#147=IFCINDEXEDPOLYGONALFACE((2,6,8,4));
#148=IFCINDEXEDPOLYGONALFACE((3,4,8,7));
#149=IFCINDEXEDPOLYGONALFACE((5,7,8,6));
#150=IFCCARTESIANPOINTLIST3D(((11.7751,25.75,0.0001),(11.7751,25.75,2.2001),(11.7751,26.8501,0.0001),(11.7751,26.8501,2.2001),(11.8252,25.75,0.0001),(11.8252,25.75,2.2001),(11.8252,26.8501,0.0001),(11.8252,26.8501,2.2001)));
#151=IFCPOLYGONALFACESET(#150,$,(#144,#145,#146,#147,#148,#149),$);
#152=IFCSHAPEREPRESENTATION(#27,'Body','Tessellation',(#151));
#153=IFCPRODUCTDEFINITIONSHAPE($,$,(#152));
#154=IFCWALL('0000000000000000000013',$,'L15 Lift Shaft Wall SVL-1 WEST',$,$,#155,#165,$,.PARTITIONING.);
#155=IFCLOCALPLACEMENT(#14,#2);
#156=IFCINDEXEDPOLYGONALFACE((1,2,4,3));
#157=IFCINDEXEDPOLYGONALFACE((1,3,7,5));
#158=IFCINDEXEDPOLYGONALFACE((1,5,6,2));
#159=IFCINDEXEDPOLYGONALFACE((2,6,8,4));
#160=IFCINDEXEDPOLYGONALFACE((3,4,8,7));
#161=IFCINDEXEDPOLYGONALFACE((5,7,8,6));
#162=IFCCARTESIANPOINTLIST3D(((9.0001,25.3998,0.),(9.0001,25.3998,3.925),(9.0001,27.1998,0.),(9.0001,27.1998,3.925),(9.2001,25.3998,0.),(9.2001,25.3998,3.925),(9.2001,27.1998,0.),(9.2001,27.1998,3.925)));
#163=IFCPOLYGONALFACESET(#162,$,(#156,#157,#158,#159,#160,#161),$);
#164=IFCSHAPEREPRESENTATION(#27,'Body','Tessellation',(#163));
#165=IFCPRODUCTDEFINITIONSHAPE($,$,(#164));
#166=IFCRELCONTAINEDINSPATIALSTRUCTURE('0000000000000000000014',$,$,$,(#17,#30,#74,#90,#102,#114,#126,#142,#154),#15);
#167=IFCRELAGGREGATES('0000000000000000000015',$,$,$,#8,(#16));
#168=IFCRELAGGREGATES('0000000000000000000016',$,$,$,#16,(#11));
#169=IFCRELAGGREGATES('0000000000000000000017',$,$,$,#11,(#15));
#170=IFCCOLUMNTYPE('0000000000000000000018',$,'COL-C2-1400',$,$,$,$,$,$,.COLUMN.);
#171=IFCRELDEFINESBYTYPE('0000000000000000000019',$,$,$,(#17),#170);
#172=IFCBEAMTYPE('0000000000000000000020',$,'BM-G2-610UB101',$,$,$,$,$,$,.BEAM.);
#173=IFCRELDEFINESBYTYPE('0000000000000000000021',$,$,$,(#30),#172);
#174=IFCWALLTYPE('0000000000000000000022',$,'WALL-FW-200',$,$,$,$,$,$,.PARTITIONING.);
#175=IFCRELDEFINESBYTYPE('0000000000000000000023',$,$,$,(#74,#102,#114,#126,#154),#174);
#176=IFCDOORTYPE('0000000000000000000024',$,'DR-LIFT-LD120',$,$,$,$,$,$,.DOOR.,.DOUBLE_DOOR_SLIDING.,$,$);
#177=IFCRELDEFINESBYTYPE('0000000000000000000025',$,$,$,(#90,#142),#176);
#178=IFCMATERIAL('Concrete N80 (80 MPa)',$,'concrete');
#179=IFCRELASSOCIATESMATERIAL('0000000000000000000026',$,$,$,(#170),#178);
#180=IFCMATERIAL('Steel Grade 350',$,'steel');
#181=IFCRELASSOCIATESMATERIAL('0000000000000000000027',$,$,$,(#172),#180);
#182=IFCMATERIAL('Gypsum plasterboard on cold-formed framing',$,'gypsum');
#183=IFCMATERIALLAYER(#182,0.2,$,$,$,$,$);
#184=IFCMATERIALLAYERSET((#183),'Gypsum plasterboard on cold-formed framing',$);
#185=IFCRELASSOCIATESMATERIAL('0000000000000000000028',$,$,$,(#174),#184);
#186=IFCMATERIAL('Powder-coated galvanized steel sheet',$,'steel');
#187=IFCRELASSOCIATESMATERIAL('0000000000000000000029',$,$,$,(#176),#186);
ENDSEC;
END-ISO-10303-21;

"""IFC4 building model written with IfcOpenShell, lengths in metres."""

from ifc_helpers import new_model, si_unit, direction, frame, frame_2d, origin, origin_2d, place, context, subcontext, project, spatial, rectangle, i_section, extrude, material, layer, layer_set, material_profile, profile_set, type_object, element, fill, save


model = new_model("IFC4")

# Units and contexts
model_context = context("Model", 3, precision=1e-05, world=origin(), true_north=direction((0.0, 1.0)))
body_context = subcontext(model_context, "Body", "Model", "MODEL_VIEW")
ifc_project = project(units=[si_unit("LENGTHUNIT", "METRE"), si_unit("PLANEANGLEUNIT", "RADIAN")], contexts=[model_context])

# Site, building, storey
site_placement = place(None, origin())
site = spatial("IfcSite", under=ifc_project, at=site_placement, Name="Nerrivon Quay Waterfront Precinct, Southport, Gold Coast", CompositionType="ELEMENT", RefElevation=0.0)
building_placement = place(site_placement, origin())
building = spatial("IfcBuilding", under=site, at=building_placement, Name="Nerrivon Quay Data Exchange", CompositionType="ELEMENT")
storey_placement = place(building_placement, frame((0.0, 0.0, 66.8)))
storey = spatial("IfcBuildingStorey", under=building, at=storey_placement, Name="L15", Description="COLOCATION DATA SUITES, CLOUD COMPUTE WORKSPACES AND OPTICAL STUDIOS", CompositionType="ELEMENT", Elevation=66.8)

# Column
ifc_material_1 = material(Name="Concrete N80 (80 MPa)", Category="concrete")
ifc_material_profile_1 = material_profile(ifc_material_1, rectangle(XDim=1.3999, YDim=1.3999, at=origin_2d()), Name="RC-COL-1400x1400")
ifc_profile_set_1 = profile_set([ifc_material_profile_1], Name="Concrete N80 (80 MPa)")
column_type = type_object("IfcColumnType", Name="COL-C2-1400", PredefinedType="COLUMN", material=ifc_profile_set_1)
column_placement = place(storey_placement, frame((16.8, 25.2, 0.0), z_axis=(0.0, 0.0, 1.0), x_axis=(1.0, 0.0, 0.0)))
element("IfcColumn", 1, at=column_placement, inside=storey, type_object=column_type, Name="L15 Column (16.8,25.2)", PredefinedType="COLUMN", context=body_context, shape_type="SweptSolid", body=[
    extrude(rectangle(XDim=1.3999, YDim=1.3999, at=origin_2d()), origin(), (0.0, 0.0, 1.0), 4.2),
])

Task directions =>
In the listing above, find the line with "building_placement = place(site_placement, origin())" and the line with "frame((0.0, 0.0, 66.8)))". Output those two lines and every line between them, exactly as written.

Exercise output =>
building_placement = place(site_placement, origin())
building = spatial("IfcBuilding", under=site, at=building_placement, Name="Nerrivon Quay Data Exchange", CompositionType="ELEMENT")
storey_placement = place(building_placement, frame((0.0, 0.0, 66.8)))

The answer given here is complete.